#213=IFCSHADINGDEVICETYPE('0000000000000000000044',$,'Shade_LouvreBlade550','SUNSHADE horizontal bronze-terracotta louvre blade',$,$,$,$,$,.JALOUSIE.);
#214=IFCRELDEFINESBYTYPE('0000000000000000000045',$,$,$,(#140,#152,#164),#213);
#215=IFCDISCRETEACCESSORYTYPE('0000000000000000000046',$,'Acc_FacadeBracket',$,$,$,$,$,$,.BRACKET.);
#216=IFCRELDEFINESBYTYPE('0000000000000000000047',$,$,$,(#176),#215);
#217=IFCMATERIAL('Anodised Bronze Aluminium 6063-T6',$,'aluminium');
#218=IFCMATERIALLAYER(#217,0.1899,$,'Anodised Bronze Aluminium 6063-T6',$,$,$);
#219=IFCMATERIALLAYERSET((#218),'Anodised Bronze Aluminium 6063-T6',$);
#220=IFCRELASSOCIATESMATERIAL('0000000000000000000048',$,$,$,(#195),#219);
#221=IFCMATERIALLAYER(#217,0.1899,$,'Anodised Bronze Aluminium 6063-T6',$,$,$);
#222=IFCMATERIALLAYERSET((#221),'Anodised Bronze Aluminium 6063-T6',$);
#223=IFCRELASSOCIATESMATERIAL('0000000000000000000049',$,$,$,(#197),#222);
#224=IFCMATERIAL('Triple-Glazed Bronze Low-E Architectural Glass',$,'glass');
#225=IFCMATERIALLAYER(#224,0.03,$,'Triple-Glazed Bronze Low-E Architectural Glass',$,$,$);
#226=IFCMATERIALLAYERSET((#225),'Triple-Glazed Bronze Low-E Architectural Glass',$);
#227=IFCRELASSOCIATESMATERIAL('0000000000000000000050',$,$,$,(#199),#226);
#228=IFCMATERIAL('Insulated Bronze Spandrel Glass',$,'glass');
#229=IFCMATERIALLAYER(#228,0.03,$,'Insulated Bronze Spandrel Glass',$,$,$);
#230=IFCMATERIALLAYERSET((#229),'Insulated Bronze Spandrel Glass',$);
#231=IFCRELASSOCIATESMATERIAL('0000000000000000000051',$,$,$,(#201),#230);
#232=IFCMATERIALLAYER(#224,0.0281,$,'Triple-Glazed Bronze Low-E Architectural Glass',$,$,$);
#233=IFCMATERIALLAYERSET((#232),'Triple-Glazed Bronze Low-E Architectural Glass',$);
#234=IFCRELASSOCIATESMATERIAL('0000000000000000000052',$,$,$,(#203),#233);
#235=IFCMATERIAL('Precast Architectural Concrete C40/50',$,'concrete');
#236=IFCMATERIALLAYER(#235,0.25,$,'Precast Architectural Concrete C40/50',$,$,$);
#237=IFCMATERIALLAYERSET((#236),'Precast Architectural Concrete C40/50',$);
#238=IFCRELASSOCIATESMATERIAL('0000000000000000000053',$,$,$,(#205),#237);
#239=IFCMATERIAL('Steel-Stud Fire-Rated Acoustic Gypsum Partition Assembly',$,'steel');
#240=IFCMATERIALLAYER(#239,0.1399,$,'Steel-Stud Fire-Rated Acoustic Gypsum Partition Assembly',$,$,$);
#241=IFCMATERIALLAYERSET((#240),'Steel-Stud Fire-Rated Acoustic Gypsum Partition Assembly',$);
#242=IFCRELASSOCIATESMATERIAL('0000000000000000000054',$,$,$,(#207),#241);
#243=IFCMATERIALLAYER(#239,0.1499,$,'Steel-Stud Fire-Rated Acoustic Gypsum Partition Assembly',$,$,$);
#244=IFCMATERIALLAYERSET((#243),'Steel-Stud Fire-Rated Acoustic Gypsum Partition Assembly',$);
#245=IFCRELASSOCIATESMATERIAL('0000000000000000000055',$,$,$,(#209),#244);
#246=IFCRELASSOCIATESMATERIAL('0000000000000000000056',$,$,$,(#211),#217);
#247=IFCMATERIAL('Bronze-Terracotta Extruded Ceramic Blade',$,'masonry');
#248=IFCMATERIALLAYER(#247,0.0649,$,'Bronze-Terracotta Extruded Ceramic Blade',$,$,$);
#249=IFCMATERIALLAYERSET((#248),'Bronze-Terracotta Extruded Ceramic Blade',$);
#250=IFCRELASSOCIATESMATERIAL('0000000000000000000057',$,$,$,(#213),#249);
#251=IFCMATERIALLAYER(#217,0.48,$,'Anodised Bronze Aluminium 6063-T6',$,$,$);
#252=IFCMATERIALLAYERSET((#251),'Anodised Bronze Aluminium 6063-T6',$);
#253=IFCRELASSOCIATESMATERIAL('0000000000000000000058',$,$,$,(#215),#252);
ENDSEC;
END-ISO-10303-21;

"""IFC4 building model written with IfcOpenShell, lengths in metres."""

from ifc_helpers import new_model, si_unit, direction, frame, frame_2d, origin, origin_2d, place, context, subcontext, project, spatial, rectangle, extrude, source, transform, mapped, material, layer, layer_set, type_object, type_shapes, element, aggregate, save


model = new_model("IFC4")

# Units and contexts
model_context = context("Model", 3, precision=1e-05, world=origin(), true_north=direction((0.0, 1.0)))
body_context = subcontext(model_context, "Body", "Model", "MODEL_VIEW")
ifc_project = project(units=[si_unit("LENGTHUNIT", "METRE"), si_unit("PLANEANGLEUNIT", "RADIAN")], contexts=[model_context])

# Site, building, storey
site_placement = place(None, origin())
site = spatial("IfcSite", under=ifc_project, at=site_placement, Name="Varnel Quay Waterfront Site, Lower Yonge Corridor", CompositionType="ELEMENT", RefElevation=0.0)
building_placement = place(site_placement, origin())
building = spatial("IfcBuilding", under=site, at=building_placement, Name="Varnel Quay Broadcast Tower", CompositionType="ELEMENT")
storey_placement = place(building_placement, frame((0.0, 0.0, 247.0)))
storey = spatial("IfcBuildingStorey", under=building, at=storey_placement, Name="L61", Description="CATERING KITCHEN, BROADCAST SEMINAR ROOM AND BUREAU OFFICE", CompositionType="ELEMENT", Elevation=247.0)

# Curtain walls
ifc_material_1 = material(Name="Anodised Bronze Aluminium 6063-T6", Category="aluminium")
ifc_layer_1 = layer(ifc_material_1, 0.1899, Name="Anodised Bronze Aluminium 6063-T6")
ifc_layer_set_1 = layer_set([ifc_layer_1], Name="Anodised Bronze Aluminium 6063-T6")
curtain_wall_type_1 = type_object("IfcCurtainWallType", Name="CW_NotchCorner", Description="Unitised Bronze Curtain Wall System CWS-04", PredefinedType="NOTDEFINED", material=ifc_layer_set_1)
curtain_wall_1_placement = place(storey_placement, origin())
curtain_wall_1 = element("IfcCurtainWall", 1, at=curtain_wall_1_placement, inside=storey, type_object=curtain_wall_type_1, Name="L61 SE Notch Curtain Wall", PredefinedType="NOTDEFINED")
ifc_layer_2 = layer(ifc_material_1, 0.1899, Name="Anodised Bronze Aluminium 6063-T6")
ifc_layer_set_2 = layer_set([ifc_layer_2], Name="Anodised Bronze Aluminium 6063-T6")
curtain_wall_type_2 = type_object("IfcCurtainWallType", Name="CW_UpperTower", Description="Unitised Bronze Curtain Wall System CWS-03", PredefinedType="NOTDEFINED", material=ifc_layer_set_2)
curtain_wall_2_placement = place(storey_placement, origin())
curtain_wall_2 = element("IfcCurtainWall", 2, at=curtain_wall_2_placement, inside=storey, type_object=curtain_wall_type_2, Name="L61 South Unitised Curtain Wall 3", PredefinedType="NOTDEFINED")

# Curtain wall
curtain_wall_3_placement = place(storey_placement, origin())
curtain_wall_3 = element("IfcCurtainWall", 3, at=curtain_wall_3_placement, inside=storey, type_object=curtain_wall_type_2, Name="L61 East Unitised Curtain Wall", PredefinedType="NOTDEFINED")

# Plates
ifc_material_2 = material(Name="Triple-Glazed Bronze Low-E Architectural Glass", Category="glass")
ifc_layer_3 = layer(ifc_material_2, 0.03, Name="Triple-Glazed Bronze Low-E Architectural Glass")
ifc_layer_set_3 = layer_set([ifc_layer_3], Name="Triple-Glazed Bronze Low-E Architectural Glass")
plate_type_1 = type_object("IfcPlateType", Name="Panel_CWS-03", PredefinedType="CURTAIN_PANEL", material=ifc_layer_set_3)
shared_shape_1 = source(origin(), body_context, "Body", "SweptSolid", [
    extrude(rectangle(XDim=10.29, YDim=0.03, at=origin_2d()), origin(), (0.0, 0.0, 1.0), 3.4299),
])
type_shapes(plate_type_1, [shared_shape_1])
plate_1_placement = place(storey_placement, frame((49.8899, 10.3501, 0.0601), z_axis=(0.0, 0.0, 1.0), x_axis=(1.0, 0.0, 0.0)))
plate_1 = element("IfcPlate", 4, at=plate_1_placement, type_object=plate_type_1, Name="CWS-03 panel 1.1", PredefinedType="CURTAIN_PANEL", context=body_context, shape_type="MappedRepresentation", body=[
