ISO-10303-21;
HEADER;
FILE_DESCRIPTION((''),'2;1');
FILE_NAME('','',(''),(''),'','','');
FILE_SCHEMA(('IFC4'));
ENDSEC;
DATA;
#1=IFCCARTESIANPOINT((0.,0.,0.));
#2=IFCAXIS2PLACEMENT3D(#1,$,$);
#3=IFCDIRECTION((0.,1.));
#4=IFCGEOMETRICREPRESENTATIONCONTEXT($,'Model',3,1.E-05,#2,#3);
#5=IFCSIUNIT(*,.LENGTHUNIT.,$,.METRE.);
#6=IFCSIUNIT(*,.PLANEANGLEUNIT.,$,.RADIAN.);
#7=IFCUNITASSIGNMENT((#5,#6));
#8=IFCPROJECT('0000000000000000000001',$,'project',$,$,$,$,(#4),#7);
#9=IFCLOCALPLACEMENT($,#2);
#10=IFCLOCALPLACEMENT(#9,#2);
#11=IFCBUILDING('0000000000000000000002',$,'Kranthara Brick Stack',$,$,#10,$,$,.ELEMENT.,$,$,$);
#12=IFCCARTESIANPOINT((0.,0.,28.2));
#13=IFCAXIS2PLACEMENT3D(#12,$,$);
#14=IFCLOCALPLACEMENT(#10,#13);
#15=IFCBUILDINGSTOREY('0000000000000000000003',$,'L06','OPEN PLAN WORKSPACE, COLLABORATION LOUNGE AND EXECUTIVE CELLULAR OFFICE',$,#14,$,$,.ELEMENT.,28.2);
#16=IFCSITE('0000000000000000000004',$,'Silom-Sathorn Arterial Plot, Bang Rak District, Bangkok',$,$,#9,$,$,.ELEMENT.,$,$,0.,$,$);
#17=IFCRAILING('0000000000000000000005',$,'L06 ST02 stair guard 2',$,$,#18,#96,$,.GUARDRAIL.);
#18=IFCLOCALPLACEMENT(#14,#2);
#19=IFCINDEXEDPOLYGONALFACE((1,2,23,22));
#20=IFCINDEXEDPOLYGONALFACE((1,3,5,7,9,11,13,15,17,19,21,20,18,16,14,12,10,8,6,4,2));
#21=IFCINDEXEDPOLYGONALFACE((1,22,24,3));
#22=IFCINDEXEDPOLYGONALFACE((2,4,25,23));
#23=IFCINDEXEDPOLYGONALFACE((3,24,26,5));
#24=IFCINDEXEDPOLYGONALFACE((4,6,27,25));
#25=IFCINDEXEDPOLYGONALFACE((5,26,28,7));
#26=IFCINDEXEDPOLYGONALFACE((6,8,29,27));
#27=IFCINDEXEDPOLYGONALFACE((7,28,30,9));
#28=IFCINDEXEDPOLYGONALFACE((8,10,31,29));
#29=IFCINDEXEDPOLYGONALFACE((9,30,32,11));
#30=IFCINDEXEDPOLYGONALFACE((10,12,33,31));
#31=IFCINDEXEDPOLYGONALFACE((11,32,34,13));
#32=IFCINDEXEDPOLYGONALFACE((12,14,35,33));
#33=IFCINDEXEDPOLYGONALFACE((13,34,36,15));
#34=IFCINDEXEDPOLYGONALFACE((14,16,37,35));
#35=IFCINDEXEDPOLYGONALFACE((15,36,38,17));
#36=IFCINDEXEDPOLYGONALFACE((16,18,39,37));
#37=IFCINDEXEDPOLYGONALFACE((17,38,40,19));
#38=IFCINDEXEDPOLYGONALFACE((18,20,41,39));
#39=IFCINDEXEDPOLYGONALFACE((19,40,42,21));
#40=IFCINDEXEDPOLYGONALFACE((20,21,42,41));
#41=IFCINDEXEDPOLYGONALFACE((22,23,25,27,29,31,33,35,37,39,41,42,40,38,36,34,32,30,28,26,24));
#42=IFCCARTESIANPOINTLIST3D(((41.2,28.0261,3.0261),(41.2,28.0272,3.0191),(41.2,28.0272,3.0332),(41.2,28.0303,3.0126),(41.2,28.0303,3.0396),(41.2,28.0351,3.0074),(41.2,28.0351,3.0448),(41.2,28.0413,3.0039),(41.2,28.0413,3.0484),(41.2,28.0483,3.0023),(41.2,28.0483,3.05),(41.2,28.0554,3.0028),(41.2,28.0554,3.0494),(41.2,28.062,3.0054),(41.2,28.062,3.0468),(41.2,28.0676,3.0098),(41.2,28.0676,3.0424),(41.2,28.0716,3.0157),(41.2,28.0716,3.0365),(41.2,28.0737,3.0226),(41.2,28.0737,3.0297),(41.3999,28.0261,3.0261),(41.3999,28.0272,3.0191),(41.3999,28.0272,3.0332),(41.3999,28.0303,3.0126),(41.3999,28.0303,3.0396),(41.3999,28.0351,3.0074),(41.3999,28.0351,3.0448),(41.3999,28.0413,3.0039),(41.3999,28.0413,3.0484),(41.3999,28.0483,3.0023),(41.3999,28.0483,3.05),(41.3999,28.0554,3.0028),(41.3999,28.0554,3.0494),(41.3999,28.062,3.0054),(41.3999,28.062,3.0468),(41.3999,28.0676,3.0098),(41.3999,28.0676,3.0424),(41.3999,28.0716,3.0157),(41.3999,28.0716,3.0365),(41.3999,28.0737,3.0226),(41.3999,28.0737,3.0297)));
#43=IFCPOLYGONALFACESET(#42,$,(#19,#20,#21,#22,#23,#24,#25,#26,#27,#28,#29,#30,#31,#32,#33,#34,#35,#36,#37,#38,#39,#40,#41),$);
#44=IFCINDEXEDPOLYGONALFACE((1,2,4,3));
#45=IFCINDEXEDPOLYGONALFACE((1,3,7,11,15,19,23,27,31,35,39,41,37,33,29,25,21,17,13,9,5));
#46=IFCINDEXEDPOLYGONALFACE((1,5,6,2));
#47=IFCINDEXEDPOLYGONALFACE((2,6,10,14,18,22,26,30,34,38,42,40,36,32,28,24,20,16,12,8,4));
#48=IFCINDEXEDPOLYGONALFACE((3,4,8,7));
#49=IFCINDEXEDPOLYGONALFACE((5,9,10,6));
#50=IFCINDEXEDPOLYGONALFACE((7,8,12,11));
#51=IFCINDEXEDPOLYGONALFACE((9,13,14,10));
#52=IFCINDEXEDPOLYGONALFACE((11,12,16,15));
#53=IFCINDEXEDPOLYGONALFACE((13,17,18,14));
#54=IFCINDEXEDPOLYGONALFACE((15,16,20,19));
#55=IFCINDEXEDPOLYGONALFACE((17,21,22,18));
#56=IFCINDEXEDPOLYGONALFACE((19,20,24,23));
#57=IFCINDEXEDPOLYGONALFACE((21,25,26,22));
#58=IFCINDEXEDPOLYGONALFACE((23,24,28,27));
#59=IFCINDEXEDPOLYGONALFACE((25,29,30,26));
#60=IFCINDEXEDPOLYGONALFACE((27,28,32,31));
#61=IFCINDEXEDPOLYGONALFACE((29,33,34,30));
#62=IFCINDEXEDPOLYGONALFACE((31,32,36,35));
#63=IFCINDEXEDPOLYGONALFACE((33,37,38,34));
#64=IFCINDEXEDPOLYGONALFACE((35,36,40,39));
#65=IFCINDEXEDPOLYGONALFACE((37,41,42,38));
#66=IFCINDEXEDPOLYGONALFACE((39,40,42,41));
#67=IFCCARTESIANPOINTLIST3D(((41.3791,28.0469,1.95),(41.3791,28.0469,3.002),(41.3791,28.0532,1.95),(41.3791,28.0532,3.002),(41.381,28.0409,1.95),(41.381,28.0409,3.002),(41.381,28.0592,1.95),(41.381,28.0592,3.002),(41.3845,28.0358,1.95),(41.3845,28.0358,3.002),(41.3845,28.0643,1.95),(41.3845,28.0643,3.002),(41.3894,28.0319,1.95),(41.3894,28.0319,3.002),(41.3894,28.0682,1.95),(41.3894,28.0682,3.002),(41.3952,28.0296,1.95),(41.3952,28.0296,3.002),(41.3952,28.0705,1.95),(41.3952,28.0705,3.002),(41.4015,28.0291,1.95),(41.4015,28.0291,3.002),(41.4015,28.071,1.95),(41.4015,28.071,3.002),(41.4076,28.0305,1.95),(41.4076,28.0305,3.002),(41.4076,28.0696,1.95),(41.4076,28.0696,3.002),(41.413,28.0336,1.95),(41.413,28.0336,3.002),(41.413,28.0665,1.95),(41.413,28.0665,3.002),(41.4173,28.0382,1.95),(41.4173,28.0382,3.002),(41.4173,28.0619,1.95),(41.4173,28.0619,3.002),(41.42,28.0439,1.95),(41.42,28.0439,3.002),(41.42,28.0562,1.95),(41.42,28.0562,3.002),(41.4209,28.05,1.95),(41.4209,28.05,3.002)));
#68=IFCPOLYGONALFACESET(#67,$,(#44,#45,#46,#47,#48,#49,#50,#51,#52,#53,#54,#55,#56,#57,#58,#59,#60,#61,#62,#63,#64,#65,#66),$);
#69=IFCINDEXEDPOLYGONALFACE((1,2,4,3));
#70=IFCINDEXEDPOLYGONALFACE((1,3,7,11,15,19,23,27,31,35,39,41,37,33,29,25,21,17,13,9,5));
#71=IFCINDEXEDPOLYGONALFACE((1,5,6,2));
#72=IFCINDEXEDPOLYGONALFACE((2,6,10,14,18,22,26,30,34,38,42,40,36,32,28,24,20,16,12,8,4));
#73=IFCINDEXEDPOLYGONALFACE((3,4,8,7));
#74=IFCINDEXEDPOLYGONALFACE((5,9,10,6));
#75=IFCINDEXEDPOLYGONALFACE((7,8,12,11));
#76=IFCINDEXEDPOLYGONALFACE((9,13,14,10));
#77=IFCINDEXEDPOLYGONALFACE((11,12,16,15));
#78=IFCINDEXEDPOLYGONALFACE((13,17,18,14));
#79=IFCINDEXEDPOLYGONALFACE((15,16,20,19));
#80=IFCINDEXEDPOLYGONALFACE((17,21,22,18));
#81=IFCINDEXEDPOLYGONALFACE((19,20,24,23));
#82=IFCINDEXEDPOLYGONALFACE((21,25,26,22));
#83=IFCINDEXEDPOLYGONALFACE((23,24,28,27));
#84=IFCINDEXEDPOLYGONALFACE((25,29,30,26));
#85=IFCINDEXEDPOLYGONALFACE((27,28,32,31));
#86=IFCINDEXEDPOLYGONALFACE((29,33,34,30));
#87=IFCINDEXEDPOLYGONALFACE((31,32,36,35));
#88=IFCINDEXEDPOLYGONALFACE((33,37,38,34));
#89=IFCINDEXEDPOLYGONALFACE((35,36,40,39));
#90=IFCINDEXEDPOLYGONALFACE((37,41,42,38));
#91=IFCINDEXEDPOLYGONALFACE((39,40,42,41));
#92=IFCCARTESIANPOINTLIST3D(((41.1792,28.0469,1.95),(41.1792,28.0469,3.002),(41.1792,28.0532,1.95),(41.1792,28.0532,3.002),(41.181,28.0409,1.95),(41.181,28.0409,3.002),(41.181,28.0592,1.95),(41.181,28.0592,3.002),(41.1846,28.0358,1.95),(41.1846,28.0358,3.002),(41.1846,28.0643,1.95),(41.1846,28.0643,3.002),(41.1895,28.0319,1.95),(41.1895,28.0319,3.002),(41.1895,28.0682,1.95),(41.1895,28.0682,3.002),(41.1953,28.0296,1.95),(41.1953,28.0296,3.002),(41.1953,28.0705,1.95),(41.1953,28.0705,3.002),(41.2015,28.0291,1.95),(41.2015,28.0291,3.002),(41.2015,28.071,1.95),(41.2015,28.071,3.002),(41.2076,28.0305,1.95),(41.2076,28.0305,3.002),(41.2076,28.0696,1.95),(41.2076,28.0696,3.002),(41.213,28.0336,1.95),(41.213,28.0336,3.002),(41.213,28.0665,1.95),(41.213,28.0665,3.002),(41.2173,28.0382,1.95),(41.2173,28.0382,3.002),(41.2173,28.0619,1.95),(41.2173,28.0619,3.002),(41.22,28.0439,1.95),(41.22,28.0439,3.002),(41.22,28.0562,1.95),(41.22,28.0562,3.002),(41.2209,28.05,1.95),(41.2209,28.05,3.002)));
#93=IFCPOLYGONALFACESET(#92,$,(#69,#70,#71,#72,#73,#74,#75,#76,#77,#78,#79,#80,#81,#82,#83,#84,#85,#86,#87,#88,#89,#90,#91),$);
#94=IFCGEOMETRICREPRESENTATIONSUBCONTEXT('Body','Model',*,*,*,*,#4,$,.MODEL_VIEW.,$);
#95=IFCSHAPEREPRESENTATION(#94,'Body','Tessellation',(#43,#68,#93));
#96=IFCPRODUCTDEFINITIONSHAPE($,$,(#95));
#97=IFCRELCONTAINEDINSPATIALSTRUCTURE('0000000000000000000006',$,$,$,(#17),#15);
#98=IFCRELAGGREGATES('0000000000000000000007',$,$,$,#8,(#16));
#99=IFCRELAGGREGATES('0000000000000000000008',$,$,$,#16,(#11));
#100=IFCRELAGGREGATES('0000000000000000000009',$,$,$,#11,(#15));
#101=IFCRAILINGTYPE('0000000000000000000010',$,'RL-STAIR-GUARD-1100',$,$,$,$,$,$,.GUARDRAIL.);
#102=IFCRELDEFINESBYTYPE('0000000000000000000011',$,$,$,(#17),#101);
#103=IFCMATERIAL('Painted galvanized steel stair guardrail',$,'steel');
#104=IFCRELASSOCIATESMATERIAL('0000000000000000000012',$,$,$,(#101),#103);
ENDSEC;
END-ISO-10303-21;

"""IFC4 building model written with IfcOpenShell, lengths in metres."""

from ifc_helpers import new_model, si_unit, direction, frame, origin, origin_2d, place, context, subcontext, project, spatial, circle, extrude, material, type_object, element, save


model = new_model("IFC4")

# Units and contexts
model_context = context("Model", 3, precision=1e-05, world=origin(), true_north=direction((0.0, 1.0)))
body_context = subcontext(model_context, "Body", "Model", "MODEL_VIEW")
ifc_project = project(units=[si_unit("LENGTHUNIT", "METRE"), si_unit("PLANEANGLEUNIT", "RADIAN")], contexts=[model_context])

# Site, building, storey
site_placement = place(None, origin())
site = spatial("IfcSite", under=ifc_project, at=site_placement, Name="Silom-Sathorn Arterial Plot, Bang Rak District, Bangkok", CompositionType="ELEMENT", RefElevation=0.0)
building_placement = place(site_placement, origin())
building = spatial("IfcBuilding", under=site, at=building_placement, Name="Kranthara Brick Stack", CompositionType="ELEMENT")
storey_placement = place(building_placement, frame((0.0, 0.0, 28.2)))
storey = spatial("IfcBuildingStorey", under=building, at=storey_placement, Name="L06", Description="OPEN PLAN WORKSPACE, COLLABORATION LOUNGE AND EXECUTIVE CELLULAR OFFICE", CompositionType="ELEMENT", Elevation=28.2)

# Railing
ifc_material_1 = material(Name="Painted galvanized steel stair guardrail", Category="steel")
railing_type_1 = type_object("IfcRailingType", Name="RL-STAIR-GUARD-1100", PredefinedType="GUARDRAIL", material=ifc_material_1)
railing_1_placement = place(storey_placement, frame((41.3999, 28.05, 1.95)))
element("IfcRailing", 1, at=railing_1_placement, inside=storey, type_object=railing_type_1, Name="L06 ST02 stair guard 2", PredefinedType="GUARDRAIL", context=body_context, shape_type="SweptSolid", body=[
    extrude(circle(Radius=0.0239, at=origin_2d()), frame((0.0, 0.0, 1.0762), z_axis=(-1.0, 0.0, 0.0), x_axis=(0.0, -1.0, 0.0)), (0.0, 0.0, 1.0), 0.2),
    extrude(circle(Radius=0.021, at=origin_2d()), origin(), (0.0, 0.0, 1.0), 1.052),
    extrude(circle(Radius=0.021, at=origin_2d()), frame((-0.2, 0.0, 0.0)), (0.0, 0.0, 1.0), 1.052),
])

save(model, "model.ifc")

=====

Task to complete =>
Could you restate word for word the lines above from the one containing "#71=IFCINDEXEDPOLYGONALFACE((1,5,6,2));" through the one containing "#91=IFCINDEXEDPOLYGONALFACE((39,40,42,41));", both included, and nothing else?

Problem solution =>
#71=IFCINDEXEDPOLYGONALFACE((1,5,6,2));
#72=IFCINDEXEDPOLYGONALFACE((2,6,10,14,18,22,26,30,34,38,42,40,36,32,28,24,20,16,12,8,4));
#73=IFCINDEXEDPOLYGONALFACE((3,4,8,7));
#74=IFCINDEXEDPOLYGONALFACE((5,9,10,6));
#75=IFCINDEXEDPOLYGONALFACE((7,8,12,11));
#76=IFCINDEXEDPOLYGONALFACE((9,13,14,10));
#77=IFCINDEXEDPOLYGONALFACE((11,12,16,15));
#78=IFCINDEXEDPOLYGONALFACE((13,17,18,14));
#79=IFCINDEXEDPOLYGONALFACE((15,16,20,19));
#80=IFCINDEXEDPOLYGONALFACE((17,21,22,18));
#81=IFCINDEXEDPOLYGONALFACE((19,20,24,23));
#82=IFCINDEXEDPOLYGONALFACE((21,25,26,22));
#83=IFCINDEXEDPOLYGONALFACE((23,24,28,27));
#84=IFCINDEXEDPOLYGONALFACE((25,29,30,26));
#85=IFCINDEXEDPOLYGONALFACE((27,28,32,31));
#86=IFCINDEXEDPOLYGONALFACE((29,33,34,30));
#87=IFCINDEXEDPOLYGONALFACE((31,32,36,35));
#88=IFCINDEXEDPOLYGONALFACE((33,37,38,34));
#89=IFCINDEXEDPOLYGONALFACE((35,36,40,39));
#90=IFCINDEXEDPOLYGONALFACE((37,41,42,38));
#91=IFCINDEXEDPOLYGONALFACE((39,40,42,41));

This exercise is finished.